# Dataset entries:
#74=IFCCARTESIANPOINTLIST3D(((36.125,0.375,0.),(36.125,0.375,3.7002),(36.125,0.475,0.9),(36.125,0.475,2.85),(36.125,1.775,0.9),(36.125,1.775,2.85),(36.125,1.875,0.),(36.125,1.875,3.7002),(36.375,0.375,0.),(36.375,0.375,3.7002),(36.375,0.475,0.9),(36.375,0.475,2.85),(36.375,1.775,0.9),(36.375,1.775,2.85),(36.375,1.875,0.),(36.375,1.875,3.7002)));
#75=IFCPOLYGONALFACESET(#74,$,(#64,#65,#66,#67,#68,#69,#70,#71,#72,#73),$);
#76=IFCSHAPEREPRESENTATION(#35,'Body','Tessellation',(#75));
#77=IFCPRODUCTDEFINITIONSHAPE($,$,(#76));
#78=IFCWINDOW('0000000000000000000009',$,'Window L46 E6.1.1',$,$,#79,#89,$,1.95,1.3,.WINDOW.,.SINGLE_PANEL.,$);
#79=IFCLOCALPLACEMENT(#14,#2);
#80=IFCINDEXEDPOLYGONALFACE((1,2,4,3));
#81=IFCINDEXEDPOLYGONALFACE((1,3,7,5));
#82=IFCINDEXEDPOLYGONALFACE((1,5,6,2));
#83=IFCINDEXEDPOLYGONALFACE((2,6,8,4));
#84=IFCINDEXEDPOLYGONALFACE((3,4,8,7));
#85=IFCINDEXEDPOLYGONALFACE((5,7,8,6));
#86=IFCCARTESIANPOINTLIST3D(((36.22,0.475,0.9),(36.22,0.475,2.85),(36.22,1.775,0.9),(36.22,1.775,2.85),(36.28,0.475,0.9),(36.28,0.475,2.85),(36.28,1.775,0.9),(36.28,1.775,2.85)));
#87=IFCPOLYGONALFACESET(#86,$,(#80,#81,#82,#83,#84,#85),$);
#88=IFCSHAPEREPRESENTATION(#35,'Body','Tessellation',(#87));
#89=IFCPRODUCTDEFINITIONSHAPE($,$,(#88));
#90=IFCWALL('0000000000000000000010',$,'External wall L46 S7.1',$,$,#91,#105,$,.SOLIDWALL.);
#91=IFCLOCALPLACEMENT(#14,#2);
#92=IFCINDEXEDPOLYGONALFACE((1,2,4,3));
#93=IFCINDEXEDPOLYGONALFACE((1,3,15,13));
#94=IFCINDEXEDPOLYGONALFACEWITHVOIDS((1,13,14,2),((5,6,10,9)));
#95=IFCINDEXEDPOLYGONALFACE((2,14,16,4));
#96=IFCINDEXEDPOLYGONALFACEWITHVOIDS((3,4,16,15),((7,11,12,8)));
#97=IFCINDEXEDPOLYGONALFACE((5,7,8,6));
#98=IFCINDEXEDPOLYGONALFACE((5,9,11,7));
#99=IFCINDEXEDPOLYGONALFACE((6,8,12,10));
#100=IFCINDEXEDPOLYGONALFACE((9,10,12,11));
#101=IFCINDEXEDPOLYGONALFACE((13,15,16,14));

# Exercise requirements:
The complete listing, transcribed exactly, is the expected answer.

# Solution:
#74=IFCCARTESIANPOINTLIST3D(((36.125,0.375,0.),(36.125,0.375,3.7002),(36.125,0.475,0.9),(36.125,0.475,2.85),(36.125,1.775,0.9),(36.125,1.775,2.85),(36.125,1.875,0.),(36.125,1.875,3.7002),(36.375,0.375,0.),(36.375,0.375,3.7002),(36.375,0.475,0.9),(36.375,0.475,2.85),(36.375,1.775,0.9),(36.375,1.775,2.85),(36.375,1.875,0.),(36.375,1.875,3.7002)));
#75=IFCPOLYGONALFACESET(#74,$,(#64,#65,#66,#67,#68,#69,#70,#71,#72,#73),$);
#76=IFCSHAPEREPRESENTATION(#35,'Body','Tessellation',(#75));
#77=IFCPRODUCTDEFINITIONSHAPE($,$,(#76));
#78=IFCWINDOW('0000000000000000000009',$,'Window L46 E6.1.1',$,$,#79,#89,$,1.95,1.3,.WINDOW.,.SINGLE_PANEL.,$);
#79=IFCLOCALPLACEMENT(#14,#2);
#80=IFCINDEXEDPOLYGONALFACE((1,2,4,3));
#81=IFCINDEXEDPOLYGONALFACE((1,3,7,5));
#82=IFCINDEXEDPOLYGONALFACE((1,5,6,2));
#83=IFCINDEXEDPOLYGONALFACE((2,6,8,4));
#84=IFCINDEXEDPOLYGONALFACE((3,4,8,7));
#85=IFCINDEXEDPOLYGONALFACE((5,7,8,6));
#86=IFCCARTESIANPOINTLIST3D(((36.22,0.475,0.9),(36.22,0.475,2.85),(36.22,1.775,0.9),(36.22,1.775,2.85),(36.28,0.475,0.9),(36.28,0.475,2.85),(36.28,1.775,0.9),(36.28,1.775,2.85)));
#87=IFCPOLYGONALFACESET(#86,$,(#80,#81,#82,#83,#84,#85),$);
#88=IFCSHAPEREPRESENTATION(#35,'Body','Tessellation',(#87));
#89=IFCPRODUCTDEFINITIONSHAPE($,$,(#88));
#90=IFCWALL('0000000000000000000010',$,'External wall L46 S7.1',$,$,#91,#105,$,.SOLIDWALL.);
#91=IFCLOCALPLACEMENT(#14,#2);
#92=IFCINDEXEDPOLYGONALFACE((1,2,4,3));
#93=IFCINDEXEDPOLYGONALFACE((1,3,15,13));
#94=IFCINDEXEDPOLYGONALFACEWITHVOIDS((1,13,14,2),((5,6,10,9)));
#95=IFCINDEXEDPOLYGONALFACE((2,14,16,4));
#96=IFCINDEXEDPOLYGONALFACEWITHVOIDS((3,4,16,15),((7,11,12,8)));
#97=IFCINDEXEDPOLYGONALFACE((5,7,8,6));
#98=IFCINDEXEDPOLYGONALFACE((5,9,11,7));
#99=IFCINDEXEDPOLYGONALFACE((6,8,12,10));
#100=IFCINDEXEDPOLYGONALFACE((9,10,12,11));
#101=IFCINDEXEDPOLYGONALFACE((13,15,16,14));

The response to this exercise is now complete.